▶ _Description of the task_
From the first line of the records down to the one that holds "#155=IFCINDEXEDPOLYGONALFACE((1,3,7,5));", transcribe each line exactly and add nothing.

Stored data

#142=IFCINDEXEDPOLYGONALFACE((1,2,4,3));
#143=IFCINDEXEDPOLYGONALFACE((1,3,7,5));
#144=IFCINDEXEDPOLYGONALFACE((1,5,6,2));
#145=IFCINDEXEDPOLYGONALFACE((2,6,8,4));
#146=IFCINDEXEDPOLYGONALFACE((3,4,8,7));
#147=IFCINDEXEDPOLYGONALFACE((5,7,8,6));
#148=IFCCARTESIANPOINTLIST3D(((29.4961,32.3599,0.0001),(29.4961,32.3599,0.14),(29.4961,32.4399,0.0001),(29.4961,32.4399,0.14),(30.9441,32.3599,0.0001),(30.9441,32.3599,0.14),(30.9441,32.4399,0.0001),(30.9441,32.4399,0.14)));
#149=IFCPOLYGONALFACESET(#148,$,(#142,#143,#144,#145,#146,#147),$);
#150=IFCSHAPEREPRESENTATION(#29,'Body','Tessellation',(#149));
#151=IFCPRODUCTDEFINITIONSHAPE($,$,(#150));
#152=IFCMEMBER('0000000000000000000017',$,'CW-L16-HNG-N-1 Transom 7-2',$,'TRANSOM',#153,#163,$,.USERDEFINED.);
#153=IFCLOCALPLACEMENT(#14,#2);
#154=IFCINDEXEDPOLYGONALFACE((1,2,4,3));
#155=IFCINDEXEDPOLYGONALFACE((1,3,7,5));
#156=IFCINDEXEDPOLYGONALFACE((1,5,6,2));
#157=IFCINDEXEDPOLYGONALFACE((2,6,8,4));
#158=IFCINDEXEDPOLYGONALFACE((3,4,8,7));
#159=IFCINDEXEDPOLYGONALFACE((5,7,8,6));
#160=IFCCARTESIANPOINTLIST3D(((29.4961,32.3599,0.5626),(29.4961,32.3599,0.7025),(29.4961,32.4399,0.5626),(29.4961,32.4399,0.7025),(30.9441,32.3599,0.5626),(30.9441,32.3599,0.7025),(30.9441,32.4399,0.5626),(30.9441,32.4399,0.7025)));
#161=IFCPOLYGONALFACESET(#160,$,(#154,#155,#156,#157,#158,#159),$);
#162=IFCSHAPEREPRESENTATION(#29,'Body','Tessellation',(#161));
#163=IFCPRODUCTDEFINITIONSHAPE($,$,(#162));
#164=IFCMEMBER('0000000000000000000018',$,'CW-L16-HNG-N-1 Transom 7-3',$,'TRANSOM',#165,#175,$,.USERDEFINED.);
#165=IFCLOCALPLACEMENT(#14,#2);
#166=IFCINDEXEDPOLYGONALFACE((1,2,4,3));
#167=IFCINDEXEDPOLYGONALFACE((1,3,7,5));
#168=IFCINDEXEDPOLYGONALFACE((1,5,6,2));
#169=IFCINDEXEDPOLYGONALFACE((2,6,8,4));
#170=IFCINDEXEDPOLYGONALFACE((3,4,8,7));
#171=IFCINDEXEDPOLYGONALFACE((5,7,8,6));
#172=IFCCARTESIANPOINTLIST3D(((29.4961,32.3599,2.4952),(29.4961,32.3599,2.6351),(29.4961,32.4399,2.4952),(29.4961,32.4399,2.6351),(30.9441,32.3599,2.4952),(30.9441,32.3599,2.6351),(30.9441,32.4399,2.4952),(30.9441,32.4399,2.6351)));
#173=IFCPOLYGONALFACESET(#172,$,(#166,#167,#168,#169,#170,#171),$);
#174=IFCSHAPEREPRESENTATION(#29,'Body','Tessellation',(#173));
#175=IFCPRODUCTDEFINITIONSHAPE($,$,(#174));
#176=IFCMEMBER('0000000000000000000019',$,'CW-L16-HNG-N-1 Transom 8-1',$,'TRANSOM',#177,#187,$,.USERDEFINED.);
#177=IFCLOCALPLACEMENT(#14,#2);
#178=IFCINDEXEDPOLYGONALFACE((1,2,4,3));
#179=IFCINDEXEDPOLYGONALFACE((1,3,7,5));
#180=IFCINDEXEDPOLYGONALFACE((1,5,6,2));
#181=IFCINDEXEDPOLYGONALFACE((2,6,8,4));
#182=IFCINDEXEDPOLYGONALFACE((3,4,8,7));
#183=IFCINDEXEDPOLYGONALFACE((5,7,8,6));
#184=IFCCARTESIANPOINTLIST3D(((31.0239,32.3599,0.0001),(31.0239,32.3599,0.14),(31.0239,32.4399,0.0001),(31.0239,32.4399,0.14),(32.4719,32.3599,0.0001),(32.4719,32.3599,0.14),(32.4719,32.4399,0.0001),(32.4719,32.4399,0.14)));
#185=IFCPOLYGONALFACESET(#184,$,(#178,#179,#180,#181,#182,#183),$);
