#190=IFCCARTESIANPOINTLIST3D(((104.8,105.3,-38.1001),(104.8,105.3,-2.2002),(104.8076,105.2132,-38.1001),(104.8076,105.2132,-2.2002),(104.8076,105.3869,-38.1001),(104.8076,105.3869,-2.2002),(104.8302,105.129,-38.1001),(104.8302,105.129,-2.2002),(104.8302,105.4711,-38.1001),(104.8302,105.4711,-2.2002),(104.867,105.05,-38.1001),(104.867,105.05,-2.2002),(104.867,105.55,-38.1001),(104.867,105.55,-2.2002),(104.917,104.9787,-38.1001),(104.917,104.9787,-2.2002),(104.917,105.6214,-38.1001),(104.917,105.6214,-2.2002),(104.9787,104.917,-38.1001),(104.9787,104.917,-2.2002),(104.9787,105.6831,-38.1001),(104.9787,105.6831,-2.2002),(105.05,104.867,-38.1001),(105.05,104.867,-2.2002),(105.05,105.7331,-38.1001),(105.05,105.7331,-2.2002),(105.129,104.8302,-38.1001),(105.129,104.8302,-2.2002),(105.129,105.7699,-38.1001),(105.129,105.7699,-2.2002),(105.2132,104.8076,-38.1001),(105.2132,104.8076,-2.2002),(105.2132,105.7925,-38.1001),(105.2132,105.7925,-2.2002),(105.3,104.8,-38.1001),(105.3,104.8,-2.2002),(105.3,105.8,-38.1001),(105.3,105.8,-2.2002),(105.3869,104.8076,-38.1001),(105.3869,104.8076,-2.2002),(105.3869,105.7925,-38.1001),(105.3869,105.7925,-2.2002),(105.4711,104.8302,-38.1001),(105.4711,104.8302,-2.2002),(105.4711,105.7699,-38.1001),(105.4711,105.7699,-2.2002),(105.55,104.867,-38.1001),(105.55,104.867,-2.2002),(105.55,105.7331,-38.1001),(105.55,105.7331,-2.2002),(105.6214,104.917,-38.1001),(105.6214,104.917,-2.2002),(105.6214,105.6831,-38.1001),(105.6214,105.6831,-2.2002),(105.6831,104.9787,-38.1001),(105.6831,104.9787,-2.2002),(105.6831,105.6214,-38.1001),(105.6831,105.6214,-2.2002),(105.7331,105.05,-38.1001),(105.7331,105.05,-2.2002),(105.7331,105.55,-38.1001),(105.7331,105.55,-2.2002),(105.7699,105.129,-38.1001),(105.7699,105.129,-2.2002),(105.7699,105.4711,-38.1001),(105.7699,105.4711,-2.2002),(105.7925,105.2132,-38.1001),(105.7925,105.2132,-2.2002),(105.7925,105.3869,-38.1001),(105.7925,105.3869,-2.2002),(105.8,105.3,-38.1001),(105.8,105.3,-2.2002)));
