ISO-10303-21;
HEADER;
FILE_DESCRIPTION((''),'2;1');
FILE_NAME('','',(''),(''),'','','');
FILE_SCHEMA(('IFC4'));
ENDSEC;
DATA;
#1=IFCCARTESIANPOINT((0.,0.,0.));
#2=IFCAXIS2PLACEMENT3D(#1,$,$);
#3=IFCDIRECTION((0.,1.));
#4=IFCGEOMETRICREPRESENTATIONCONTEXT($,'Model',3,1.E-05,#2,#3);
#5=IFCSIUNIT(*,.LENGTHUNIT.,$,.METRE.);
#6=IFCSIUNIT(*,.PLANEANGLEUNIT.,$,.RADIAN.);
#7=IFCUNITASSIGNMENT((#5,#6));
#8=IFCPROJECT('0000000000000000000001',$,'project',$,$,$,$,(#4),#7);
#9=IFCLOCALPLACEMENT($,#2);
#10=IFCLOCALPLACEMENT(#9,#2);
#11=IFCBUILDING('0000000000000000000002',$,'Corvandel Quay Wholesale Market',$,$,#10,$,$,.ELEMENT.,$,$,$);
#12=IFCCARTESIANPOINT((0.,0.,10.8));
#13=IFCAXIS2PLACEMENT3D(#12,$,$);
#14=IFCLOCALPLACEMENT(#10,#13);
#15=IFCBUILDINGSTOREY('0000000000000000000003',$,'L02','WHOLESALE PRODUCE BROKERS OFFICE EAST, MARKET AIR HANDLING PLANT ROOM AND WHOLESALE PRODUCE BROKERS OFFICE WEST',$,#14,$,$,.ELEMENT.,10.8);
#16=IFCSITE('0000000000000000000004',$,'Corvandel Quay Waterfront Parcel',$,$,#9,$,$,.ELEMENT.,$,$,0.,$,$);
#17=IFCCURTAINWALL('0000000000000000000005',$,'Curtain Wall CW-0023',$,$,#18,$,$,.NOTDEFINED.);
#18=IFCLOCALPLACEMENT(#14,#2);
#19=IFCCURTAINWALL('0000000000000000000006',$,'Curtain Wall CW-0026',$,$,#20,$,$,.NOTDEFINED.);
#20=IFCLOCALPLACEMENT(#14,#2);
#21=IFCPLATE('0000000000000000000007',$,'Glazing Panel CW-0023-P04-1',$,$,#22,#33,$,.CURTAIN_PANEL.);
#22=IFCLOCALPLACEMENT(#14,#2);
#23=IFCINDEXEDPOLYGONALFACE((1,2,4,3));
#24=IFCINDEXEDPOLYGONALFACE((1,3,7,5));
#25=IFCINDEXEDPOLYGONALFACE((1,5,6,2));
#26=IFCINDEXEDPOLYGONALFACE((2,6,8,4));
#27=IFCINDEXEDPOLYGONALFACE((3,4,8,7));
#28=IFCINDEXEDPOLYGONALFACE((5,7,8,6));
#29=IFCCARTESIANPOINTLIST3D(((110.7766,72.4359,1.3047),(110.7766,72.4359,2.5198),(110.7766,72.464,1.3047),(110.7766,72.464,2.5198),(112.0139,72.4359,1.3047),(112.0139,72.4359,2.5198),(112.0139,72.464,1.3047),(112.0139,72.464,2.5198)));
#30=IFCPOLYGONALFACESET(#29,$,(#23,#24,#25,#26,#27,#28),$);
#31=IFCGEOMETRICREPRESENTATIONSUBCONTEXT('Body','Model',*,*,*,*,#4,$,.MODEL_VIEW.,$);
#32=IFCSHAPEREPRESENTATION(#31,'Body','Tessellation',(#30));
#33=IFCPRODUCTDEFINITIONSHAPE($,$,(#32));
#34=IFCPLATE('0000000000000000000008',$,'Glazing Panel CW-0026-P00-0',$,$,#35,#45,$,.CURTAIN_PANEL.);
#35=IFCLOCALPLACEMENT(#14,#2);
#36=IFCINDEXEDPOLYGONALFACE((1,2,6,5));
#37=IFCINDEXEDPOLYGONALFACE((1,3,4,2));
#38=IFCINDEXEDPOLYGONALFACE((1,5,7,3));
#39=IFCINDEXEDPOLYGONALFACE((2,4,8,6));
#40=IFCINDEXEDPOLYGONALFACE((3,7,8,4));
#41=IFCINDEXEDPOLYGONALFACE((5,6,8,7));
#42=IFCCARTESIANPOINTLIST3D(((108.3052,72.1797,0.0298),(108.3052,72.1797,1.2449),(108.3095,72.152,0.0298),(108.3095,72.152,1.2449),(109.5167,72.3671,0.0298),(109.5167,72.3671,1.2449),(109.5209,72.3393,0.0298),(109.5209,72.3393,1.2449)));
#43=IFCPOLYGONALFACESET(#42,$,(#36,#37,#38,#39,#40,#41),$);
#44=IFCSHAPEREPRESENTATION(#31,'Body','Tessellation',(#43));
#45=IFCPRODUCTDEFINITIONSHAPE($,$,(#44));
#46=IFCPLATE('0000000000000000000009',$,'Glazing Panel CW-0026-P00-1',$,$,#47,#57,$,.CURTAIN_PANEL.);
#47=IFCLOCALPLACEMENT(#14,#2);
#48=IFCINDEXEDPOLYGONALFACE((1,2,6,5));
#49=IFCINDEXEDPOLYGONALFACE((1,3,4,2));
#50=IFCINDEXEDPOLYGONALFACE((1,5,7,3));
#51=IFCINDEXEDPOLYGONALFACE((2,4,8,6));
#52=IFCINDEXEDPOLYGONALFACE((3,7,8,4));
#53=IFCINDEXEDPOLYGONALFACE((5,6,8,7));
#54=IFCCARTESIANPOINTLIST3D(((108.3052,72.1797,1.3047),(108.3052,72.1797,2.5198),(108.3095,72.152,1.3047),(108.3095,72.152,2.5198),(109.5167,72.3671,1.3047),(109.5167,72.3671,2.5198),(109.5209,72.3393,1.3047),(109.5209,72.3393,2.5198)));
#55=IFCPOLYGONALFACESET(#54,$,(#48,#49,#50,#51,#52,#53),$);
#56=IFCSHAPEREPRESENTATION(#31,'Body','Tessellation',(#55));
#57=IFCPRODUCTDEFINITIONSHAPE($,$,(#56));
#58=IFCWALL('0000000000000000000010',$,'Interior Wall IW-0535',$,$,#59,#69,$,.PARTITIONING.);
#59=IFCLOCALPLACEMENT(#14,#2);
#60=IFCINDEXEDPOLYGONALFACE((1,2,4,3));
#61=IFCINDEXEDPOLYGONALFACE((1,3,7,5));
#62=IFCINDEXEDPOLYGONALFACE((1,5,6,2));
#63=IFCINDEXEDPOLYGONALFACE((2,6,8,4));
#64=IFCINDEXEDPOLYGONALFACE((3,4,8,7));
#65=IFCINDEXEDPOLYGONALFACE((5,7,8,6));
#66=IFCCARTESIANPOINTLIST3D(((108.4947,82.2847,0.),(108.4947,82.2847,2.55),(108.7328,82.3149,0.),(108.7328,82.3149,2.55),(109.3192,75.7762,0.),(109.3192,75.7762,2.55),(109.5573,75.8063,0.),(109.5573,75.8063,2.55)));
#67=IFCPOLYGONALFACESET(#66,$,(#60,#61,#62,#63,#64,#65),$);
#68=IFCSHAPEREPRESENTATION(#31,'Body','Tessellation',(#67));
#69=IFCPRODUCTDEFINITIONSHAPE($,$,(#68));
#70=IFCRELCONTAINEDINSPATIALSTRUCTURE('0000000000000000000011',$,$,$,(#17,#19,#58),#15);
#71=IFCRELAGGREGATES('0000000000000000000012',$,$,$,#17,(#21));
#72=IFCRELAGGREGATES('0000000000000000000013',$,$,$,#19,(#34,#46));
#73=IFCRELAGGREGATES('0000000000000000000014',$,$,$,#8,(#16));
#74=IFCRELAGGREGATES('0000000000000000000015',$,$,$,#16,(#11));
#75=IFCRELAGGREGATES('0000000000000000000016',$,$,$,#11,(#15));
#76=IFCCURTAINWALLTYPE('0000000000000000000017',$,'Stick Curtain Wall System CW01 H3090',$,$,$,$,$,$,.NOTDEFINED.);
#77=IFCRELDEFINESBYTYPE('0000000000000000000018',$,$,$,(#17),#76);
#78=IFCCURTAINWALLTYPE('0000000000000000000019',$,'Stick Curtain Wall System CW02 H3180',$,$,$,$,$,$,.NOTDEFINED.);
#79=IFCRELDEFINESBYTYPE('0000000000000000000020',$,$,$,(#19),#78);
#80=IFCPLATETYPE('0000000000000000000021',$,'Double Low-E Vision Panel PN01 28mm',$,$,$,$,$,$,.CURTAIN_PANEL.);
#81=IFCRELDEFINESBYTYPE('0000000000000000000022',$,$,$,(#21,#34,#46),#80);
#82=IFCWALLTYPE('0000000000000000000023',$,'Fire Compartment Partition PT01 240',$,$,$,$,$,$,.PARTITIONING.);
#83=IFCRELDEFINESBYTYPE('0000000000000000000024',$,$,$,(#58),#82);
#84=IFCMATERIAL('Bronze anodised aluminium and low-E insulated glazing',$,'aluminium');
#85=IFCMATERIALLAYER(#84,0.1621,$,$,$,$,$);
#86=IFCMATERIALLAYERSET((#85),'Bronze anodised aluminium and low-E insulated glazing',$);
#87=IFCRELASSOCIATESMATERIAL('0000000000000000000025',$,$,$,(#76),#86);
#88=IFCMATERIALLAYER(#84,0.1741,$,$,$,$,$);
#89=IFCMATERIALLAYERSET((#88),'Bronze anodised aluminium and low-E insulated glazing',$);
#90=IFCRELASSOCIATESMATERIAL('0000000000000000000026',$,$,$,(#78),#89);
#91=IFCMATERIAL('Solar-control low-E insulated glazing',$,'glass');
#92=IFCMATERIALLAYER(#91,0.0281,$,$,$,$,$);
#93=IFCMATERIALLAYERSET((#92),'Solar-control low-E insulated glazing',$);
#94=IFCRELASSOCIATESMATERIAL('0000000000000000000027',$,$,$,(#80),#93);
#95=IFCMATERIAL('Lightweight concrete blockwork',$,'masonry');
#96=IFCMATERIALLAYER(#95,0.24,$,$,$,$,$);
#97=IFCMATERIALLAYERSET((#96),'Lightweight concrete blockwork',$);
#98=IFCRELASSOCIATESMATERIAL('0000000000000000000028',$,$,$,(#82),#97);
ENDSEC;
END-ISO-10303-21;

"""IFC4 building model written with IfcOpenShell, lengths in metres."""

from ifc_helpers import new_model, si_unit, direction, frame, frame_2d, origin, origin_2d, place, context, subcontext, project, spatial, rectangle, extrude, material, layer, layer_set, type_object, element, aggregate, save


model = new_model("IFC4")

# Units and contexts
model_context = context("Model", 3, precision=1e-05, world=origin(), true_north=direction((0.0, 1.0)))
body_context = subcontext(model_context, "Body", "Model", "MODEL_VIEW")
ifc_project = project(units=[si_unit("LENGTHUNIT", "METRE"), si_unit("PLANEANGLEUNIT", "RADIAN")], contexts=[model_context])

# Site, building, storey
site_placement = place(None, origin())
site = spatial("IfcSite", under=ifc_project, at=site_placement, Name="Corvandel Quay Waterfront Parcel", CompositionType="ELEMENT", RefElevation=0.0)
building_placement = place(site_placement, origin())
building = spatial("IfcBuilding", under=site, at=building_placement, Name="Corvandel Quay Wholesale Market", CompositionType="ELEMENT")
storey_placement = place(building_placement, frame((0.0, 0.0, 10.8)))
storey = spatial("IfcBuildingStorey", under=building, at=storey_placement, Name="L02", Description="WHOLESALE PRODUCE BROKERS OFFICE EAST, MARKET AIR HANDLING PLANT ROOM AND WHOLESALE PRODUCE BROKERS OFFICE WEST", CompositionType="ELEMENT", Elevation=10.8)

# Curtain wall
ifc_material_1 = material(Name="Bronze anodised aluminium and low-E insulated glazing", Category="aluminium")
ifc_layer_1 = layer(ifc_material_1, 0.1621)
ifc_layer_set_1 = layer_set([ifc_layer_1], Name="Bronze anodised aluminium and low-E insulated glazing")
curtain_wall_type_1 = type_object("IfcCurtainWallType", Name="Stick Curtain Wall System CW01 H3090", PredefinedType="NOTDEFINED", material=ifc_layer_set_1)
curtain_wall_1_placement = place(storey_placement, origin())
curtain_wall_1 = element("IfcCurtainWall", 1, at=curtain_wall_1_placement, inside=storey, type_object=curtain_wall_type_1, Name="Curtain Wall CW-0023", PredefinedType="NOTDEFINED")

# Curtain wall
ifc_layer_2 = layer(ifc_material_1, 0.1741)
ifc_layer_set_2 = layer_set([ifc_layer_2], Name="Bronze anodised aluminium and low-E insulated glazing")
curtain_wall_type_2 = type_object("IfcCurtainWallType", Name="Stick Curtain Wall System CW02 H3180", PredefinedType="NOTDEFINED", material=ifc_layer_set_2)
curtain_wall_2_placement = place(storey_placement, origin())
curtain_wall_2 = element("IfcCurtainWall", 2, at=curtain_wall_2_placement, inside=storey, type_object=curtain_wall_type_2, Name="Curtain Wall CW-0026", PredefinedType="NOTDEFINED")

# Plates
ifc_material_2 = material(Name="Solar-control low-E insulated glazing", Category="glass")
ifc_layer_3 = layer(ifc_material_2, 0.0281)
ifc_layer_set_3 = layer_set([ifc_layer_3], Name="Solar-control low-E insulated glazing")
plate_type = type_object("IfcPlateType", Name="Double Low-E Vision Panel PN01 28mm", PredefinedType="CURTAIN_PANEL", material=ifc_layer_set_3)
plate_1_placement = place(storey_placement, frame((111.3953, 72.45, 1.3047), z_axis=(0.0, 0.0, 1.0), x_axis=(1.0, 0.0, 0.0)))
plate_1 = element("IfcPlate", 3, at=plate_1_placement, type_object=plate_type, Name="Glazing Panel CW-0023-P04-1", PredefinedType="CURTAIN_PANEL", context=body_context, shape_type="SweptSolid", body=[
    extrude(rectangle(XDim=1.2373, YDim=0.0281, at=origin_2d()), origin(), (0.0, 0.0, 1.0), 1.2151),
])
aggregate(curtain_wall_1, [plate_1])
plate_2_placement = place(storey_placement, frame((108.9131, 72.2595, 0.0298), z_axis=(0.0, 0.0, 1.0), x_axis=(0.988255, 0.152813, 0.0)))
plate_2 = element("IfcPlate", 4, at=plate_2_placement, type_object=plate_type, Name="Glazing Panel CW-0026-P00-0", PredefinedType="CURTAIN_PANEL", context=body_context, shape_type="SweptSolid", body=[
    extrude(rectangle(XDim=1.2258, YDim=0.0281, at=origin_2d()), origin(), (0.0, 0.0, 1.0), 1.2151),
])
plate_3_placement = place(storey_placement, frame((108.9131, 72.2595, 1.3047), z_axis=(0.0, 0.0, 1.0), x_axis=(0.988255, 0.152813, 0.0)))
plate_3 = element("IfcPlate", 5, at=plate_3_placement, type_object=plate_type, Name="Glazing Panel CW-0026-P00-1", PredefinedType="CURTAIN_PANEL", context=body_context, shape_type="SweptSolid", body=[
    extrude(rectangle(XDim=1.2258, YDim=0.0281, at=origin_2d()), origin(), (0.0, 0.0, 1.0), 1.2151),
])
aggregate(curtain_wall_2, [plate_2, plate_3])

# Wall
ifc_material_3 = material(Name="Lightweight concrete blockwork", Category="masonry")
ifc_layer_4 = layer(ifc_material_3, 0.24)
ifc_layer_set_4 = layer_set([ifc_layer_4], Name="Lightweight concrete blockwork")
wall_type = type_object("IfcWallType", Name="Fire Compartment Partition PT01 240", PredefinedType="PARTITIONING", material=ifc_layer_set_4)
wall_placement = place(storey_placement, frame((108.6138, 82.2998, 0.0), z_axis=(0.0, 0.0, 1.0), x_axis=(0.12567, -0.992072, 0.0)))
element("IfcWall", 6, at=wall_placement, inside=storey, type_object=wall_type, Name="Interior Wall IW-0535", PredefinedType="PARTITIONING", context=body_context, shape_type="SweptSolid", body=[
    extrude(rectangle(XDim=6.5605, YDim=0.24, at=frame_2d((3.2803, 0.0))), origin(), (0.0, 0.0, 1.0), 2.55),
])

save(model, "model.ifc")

▶ _Written answer_
#142=IFCINDEXEDPOLYGONALFACE((1,2,4,3));
#143=IFCINDEXEDPOLYGONALFACE((1,3,7,5));
#144=IFCINDEXEDPOLYGONALFACE((1,5,6,2));
#145=IFCINDEXEDPOLYGONALFACE((2,6,8,4));
#146=IFCINDEXEDPOLYGONALFACE((3,4,8,7));
#147=IFCINDEXEDPOLYGONALFACE((5,7,8,6));
#148=IFCCARTESIANPOINTLIST3D(((29.4961,32.3599,0.0001),(29.4961,32.3599,0.14),(29.4961,32.4399,0.0001),(29.4961,32.4399,0.14),(30.9441,32.3599,0.0001),(30.9441,32.3599,0.14),(30.9441,32.4399,0.0001),(30.9441,32.4399,0.14)));
#149=IFCPOLYGONALFACESET(#148,$,(#142,#143,#144,#145,#146,#147),$);
#150=IFCSHAPEREPRESENTATION(#29,'Body','Tessellation',(#149));
#151=IFCPRODUCTDEFINITIONSHAPE($,$,(#150));
#152=IFCMEMBER('0000000000000000000017',$,'CW-L16-HNG-N-1 Transom 7-2',$,'TRANSOM',#153,#163,$,.USERDEFINED.);
#153=IFCLOCALPLACEMENT(#14,#2);
#154=IFCINDEXEDPOLYGONALFACE((1,2,4,3));
#155=IFCINDEXEDPOLYGONALFACE((1,3,7,5));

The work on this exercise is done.